[Exercise objective]
Would you copy each line of the data below that has "beam"?

[Exercise materials]

★ ★ ★ ★ ★ ★ ★

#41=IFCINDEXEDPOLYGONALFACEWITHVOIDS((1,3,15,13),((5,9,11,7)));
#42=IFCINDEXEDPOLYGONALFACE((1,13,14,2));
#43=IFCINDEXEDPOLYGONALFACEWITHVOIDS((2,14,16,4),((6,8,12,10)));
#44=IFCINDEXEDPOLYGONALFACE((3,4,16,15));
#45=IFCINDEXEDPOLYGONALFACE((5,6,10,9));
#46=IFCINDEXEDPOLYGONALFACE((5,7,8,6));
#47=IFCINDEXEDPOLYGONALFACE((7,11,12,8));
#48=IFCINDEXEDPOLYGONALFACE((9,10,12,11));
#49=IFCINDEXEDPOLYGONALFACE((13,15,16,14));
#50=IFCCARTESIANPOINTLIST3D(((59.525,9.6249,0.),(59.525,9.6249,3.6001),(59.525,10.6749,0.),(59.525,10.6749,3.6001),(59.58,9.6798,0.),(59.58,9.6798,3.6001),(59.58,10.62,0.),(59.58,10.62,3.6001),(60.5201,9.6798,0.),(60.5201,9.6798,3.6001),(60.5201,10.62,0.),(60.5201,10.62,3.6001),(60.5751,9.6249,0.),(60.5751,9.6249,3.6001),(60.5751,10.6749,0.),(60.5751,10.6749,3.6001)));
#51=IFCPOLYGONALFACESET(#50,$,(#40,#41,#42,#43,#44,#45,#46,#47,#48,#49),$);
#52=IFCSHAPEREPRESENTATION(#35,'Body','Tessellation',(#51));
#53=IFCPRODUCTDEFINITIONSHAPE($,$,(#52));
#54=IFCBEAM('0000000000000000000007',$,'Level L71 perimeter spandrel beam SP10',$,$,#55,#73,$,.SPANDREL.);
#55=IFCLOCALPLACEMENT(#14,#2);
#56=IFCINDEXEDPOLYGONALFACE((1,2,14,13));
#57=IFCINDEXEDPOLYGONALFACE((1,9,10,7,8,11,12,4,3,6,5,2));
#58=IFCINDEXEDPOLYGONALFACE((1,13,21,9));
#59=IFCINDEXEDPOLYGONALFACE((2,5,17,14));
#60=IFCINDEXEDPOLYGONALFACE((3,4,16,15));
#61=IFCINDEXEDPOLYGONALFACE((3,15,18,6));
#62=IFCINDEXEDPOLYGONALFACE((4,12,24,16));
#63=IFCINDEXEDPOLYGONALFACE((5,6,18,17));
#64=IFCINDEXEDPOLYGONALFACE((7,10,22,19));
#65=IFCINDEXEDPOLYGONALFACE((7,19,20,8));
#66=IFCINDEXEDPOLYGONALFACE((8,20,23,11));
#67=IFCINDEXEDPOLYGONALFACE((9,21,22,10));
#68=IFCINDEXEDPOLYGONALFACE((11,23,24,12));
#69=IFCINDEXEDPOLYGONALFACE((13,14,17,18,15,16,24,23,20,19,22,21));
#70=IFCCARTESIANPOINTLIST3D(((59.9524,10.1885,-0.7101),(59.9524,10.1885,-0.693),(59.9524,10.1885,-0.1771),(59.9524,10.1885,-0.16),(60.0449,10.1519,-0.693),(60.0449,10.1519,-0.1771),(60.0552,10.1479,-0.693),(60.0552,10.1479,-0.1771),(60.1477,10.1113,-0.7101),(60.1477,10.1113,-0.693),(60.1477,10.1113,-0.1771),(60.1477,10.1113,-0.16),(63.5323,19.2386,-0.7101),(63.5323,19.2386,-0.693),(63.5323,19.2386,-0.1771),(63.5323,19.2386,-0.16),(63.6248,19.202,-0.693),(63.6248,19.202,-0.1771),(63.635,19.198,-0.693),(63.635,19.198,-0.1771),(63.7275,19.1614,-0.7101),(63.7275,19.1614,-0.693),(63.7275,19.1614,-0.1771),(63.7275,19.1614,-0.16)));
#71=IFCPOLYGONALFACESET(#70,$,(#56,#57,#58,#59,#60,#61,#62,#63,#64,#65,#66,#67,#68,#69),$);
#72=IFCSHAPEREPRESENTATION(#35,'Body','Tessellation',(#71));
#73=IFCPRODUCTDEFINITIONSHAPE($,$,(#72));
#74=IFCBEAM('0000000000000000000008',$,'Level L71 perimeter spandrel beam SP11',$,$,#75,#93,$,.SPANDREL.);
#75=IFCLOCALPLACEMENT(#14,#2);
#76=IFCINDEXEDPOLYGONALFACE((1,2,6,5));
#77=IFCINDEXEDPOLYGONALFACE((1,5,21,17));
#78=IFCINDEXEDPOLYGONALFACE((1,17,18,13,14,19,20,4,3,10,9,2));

★ ★ ★ ★ ★ ★ ★

[Exercise solution]
#54=IFCBEAM('0000000000000000000007',$,'Level L71 perimeter spandrel beam SP10',$,$,#55,#73,$,.SPANDREL.);
#74=IFCBEAM('0000000000000000000008',$,'Level L71 perimeter spandrel beam SP11',$,$,#75,#93,$,.SPANDREL.);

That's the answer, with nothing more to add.